Whenever a line of the records below contains the word "Ludao", copy that line.

Supplied data Block Start

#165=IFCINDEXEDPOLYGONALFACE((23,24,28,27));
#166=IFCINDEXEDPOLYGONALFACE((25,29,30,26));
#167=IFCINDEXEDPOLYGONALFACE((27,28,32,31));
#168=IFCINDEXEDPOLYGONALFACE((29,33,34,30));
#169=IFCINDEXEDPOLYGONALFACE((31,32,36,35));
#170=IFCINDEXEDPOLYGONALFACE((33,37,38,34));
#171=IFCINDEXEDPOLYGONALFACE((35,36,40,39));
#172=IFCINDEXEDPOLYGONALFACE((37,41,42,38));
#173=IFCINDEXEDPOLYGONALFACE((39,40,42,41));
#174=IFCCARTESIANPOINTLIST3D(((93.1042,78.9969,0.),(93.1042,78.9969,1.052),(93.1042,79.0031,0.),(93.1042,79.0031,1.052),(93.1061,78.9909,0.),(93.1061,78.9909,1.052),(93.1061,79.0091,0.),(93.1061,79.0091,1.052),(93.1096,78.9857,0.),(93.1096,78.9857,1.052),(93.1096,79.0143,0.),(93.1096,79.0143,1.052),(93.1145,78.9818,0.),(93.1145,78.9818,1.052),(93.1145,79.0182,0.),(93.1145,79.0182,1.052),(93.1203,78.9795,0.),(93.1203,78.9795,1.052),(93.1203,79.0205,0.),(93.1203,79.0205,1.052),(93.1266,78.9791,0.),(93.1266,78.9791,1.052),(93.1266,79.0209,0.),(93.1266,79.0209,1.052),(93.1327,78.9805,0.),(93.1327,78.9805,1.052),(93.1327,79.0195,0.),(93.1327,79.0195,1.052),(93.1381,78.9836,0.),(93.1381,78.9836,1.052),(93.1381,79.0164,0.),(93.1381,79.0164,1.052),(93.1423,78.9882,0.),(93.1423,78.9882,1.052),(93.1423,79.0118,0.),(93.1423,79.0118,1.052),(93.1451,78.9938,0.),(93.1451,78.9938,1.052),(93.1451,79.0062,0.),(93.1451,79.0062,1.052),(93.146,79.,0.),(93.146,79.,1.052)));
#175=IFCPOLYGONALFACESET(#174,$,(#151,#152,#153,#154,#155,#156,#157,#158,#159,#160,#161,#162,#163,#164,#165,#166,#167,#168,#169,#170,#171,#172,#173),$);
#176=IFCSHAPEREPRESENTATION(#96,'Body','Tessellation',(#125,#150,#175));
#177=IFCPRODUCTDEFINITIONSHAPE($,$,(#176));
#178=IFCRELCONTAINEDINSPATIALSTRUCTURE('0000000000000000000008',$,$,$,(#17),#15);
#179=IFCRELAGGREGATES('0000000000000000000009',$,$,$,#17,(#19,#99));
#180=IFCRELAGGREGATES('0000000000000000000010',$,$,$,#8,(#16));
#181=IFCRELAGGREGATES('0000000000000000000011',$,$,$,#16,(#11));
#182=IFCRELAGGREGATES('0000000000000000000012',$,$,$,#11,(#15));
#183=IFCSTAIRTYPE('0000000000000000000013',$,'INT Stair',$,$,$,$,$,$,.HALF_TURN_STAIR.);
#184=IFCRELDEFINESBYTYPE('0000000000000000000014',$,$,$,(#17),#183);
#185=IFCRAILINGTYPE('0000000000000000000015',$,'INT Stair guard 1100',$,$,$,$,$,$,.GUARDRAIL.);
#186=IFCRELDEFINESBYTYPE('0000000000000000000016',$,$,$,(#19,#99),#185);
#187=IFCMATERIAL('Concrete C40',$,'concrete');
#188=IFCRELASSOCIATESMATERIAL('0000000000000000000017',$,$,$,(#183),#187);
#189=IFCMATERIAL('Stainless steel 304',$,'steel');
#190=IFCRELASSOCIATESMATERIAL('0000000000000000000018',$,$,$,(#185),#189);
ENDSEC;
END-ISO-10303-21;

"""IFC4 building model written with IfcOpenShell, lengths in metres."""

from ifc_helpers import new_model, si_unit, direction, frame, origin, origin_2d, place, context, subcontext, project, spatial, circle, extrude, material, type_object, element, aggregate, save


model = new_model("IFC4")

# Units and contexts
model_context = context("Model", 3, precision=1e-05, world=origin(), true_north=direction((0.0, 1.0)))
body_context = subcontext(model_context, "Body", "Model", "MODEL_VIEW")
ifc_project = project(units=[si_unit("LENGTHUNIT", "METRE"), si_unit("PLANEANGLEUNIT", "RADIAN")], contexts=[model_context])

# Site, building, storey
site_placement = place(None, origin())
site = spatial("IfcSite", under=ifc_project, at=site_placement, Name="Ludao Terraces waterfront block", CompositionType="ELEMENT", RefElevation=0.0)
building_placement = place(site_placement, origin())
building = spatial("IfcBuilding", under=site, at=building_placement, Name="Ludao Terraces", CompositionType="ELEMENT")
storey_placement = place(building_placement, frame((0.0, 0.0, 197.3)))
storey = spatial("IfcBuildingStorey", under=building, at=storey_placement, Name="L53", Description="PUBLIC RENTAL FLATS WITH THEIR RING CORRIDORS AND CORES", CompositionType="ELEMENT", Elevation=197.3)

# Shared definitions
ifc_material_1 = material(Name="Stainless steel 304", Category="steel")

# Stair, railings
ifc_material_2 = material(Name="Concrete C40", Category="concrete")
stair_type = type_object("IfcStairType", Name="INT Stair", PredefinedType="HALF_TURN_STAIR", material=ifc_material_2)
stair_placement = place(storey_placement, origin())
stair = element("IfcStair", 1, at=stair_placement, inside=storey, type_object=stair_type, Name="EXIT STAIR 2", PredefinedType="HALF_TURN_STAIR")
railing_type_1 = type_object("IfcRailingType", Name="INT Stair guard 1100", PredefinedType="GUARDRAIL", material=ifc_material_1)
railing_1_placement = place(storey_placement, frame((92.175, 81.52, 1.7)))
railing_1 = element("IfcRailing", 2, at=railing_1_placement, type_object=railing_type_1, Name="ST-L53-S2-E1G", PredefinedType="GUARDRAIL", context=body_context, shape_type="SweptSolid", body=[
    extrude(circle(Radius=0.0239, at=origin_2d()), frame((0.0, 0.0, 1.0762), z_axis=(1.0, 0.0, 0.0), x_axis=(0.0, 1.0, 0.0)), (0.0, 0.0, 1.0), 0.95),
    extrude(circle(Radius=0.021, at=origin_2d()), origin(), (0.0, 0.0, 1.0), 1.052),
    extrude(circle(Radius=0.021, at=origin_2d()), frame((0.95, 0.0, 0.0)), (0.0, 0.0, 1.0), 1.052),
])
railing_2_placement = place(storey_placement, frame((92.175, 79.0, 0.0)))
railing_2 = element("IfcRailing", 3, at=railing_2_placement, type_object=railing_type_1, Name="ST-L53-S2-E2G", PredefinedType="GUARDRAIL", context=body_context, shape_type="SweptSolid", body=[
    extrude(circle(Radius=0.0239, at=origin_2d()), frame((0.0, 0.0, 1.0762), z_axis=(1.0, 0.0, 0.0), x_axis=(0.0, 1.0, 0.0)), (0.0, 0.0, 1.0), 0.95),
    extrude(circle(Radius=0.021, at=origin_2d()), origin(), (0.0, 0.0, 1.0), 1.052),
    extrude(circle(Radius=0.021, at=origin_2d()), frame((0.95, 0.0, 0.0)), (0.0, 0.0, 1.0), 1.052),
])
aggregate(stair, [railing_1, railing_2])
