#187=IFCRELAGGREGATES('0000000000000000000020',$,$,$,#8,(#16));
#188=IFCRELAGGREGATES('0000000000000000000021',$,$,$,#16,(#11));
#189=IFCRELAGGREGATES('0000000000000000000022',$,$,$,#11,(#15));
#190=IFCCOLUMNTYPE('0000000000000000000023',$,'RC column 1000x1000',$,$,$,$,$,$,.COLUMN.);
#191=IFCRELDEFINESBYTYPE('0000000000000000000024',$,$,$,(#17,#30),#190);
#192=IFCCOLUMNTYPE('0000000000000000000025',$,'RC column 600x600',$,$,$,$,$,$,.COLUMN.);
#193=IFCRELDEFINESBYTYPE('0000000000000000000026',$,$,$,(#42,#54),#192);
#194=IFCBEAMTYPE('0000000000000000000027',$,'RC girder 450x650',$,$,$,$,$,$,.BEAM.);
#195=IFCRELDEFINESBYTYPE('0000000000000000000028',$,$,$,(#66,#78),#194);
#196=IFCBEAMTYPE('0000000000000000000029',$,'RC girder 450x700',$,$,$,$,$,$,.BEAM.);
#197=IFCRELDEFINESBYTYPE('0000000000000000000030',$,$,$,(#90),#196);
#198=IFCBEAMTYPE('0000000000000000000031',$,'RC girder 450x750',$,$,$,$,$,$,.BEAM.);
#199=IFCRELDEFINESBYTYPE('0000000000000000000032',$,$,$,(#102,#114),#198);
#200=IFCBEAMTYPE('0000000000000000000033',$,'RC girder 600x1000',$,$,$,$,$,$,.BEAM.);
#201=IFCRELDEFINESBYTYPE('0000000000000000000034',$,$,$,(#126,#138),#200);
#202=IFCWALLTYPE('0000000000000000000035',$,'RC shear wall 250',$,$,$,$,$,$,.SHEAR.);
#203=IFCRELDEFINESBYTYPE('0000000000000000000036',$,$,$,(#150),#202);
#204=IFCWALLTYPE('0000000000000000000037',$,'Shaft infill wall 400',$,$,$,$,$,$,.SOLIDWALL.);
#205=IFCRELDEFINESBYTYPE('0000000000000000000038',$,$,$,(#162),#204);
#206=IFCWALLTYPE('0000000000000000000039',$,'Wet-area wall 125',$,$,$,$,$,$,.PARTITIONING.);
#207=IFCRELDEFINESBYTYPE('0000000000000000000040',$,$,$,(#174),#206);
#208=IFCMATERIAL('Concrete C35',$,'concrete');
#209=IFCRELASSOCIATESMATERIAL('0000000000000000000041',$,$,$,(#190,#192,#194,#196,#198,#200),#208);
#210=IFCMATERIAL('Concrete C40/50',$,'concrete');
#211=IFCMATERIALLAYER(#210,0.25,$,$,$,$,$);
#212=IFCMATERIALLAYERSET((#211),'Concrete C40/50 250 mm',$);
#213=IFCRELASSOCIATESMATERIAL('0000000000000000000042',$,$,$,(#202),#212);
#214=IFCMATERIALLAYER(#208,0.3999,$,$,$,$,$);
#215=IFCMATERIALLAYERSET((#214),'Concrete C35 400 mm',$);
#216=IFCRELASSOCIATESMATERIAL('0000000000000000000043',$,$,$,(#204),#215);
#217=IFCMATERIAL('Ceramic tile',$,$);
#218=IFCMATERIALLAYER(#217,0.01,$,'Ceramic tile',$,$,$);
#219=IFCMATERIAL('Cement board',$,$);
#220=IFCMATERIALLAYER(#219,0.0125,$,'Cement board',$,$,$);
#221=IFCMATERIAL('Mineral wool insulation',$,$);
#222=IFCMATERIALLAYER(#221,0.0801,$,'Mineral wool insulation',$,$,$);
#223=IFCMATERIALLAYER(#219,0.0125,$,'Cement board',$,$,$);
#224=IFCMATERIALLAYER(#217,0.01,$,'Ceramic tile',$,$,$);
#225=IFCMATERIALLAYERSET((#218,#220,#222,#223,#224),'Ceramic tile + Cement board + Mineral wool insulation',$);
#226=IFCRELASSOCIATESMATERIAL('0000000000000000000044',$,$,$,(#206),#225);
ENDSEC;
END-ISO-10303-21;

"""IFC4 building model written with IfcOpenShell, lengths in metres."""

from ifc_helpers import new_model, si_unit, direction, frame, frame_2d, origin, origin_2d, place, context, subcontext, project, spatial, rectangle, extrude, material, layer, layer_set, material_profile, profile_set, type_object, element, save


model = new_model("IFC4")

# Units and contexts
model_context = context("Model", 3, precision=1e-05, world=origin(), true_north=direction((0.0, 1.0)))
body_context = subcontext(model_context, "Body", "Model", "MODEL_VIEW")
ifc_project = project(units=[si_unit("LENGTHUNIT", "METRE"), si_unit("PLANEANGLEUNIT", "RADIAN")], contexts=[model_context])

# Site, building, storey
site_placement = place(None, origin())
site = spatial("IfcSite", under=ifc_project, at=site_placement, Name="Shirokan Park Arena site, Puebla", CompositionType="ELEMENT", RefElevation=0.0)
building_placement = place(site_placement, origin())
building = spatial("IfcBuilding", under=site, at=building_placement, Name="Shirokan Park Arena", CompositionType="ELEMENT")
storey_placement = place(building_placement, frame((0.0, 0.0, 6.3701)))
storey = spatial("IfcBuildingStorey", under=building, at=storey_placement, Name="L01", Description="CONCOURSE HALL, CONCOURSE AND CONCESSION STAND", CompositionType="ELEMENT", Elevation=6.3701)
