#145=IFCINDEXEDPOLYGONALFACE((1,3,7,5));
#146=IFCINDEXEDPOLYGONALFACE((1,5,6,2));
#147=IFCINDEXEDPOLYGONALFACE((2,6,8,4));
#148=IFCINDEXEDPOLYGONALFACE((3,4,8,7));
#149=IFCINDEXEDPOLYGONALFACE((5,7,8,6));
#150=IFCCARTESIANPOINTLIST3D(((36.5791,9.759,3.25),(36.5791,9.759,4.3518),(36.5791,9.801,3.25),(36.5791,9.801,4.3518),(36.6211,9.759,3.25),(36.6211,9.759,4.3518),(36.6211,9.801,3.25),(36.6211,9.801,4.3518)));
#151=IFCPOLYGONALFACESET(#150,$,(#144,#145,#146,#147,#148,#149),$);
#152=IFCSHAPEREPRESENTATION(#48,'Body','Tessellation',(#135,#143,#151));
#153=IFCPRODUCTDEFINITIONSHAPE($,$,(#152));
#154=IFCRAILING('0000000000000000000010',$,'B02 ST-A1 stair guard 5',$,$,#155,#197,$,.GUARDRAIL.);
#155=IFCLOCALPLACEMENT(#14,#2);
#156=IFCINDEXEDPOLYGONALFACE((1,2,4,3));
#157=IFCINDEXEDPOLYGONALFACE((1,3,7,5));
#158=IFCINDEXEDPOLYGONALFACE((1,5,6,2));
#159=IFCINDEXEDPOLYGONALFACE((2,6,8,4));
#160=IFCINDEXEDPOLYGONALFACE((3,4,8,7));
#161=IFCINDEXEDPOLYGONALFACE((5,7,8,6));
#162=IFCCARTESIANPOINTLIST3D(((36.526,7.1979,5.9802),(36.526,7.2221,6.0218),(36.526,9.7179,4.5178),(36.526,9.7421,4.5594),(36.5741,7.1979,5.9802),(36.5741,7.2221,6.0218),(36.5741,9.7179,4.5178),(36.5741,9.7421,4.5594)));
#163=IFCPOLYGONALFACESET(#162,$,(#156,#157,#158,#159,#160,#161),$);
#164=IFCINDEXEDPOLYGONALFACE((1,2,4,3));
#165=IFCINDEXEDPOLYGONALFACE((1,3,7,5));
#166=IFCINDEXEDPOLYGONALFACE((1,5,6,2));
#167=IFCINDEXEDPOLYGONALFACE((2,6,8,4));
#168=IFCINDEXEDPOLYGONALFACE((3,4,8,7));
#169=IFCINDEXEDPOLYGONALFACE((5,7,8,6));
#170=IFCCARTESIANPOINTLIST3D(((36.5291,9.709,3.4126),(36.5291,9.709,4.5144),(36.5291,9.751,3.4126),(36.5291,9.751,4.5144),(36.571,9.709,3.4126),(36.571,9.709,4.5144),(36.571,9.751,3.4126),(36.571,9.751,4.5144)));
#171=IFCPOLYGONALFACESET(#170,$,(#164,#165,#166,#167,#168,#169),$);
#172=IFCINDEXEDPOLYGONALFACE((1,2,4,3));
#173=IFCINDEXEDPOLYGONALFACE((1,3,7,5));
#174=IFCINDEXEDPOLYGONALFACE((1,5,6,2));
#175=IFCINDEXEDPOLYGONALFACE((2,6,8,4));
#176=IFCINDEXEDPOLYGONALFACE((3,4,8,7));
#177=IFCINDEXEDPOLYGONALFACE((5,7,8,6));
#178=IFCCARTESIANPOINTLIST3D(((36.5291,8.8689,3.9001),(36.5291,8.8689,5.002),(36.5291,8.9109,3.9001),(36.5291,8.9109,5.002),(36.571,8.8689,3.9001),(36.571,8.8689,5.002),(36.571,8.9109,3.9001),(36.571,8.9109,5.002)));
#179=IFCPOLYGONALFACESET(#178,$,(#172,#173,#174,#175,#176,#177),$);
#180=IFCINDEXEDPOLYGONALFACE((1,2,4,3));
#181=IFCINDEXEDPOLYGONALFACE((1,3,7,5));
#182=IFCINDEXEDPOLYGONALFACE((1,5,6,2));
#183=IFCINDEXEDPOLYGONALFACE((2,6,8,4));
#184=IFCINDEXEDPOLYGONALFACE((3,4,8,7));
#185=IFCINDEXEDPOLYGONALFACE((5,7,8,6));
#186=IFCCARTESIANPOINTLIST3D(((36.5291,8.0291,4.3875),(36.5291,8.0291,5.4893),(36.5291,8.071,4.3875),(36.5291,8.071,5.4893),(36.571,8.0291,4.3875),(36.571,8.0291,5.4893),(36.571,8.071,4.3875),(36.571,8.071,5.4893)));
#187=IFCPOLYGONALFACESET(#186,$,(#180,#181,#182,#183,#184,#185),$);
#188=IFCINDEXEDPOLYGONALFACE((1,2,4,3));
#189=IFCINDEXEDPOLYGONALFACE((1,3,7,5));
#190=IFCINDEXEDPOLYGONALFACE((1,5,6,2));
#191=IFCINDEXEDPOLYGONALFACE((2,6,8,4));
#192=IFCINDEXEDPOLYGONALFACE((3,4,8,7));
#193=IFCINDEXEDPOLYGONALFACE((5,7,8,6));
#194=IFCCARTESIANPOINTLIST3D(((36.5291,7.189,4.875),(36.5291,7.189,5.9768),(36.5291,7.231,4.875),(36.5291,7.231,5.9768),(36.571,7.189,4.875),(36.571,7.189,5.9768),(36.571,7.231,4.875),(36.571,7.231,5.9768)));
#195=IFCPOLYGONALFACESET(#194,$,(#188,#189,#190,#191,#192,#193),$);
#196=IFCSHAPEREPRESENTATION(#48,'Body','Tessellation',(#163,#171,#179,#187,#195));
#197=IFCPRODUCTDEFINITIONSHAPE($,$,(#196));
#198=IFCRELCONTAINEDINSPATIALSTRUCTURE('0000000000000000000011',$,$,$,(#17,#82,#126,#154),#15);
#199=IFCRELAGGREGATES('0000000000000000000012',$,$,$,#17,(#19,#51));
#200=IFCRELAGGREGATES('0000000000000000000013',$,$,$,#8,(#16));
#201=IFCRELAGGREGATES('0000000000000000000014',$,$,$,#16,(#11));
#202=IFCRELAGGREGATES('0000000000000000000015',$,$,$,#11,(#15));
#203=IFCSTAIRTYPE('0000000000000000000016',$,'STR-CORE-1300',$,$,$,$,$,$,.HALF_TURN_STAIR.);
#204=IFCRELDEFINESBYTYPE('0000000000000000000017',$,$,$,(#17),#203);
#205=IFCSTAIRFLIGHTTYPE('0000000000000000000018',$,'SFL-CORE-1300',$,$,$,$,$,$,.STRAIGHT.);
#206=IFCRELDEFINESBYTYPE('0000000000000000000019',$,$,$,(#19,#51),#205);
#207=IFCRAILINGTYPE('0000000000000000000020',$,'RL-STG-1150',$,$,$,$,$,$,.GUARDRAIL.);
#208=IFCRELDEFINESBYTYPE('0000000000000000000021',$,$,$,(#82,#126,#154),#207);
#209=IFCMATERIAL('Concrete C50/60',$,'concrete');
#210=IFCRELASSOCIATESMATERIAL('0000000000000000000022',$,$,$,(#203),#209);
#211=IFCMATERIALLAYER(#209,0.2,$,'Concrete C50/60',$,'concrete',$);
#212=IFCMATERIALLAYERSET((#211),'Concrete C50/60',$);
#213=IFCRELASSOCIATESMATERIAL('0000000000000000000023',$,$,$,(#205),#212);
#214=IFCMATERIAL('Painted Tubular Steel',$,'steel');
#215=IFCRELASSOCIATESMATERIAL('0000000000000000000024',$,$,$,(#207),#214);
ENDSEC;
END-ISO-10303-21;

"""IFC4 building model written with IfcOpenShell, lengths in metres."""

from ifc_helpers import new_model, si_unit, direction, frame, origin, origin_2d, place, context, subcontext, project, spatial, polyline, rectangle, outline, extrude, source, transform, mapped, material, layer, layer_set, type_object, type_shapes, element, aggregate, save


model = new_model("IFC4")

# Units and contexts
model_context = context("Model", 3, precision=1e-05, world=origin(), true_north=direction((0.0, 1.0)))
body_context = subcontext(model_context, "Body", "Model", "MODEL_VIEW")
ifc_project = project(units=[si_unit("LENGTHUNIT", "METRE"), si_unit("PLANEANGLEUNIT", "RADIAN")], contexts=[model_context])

Supplied data Block End

Exercise output
site = spatial("IfcSite", under=ifc_project, at=site_placement, Name="Ludao Terraces waterfront block", CompositionType="ELEMENT", RefElevation=0.0)
building = spatial("IfcBuilding", under=site, at=building_placement, Name="Ludao Terraces", CompositionType="ELEMENT")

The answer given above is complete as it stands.